Input data:
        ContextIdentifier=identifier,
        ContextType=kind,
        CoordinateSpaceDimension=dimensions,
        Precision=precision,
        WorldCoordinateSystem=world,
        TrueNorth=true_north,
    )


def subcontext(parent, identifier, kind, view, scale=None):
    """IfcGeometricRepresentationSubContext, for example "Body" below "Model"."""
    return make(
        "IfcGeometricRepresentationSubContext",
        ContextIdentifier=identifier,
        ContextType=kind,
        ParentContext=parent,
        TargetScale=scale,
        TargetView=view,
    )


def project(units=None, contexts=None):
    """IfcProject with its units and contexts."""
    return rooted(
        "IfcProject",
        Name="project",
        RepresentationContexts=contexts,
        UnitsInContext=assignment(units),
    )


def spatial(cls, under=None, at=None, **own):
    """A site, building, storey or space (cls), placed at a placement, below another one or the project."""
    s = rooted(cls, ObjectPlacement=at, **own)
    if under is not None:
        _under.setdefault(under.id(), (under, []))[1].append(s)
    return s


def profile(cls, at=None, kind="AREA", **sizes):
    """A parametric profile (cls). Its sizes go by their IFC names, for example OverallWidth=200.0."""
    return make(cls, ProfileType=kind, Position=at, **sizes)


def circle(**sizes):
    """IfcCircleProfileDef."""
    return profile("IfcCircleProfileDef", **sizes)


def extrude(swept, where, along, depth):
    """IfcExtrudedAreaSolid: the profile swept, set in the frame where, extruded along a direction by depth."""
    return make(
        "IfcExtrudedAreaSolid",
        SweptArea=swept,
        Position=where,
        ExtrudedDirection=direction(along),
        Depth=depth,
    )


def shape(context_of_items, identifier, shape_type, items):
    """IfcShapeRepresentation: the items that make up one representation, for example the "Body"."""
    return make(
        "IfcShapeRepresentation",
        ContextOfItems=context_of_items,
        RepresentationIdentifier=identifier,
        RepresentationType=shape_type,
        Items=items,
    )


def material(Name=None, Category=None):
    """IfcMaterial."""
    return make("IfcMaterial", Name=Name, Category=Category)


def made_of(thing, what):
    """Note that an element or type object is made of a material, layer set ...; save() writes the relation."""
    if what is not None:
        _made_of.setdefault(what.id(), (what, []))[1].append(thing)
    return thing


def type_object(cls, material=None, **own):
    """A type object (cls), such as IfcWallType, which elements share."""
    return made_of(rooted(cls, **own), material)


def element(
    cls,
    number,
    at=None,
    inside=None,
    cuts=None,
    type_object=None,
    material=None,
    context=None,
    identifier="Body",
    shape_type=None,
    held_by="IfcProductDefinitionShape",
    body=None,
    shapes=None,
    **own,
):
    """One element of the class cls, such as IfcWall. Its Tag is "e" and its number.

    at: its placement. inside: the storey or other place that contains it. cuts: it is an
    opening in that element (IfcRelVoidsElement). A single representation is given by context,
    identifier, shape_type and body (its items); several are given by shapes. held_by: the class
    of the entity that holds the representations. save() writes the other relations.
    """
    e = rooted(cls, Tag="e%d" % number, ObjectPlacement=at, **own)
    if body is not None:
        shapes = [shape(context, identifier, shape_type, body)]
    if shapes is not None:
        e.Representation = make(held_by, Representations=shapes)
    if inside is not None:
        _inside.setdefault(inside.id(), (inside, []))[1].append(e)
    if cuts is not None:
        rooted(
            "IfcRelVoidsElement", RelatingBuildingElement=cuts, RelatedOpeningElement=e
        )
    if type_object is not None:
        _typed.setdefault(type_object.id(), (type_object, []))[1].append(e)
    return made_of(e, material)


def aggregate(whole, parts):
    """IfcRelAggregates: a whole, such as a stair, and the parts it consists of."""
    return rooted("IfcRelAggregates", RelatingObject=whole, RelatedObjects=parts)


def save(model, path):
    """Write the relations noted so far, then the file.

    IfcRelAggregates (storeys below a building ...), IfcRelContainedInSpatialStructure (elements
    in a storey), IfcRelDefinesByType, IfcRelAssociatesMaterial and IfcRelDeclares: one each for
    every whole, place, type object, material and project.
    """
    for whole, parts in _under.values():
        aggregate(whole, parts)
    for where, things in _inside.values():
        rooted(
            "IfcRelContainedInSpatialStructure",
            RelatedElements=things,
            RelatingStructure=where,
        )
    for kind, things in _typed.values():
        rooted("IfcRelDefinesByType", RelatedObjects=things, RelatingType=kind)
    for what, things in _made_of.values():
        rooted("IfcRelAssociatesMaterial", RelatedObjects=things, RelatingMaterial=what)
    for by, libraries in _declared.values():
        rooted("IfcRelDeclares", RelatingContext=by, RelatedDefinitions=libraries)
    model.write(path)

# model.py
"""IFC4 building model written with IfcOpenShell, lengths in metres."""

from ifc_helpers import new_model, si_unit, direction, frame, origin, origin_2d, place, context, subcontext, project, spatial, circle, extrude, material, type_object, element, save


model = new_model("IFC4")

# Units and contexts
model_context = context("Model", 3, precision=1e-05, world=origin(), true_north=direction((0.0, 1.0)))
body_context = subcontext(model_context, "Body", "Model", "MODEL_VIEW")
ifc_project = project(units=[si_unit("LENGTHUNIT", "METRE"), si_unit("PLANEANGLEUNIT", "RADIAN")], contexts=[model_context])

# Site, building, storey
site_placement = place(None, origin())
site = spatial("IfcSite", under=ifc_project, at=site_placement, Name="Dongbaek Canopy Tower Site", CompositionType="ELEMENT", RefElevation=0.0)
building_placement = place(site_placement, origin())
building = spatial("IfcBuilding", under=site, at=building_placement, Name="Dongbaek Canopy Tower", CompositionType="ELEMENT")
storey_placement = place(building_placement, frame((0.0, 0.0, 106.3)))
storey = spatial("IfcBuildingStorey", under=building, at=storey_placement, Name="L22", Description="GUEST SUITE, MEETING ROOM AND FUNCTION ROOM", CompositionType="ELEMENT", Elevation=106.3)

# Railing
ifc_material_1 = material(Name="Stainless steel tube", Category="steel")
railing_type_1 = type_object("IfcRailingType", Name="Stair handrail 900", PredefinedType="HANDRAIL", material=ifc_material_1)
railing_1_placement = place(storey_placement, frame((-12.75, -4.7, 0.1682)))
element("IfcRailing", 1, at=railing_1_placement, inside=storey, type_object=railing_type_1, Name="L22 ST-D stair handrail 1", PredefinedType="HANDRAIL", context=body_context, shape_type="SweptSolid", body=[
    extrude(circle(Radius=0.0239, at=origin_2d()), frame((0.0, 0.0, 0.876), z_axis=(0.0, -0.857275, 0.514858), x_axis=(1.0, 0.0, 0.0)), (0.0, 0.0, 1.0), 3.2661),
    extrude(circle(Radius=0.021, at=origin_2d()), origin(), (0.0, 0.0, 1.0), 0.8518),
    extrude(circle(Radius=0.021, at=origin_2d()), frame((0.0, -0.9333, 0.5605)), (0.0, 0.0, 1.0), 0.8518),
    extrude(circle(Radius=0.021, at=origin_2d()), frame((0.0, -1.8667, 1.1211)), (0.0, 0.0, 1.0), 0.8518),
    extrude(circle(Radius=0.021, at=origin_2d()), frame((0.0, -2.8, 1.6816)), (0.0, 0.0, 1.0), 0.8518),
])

Problem to solve: Find the word "IfcRelDeclares" in the entries above. Copy every line that has it.

Task solution:
    in a storey), IfcRelDefinesByType, IfcRelAssociatesMaterial and IfcRelDeclares: one each for
        rooted("IfcRelDeclares", RelatingContext=by, RelatedDefinitions=libraries)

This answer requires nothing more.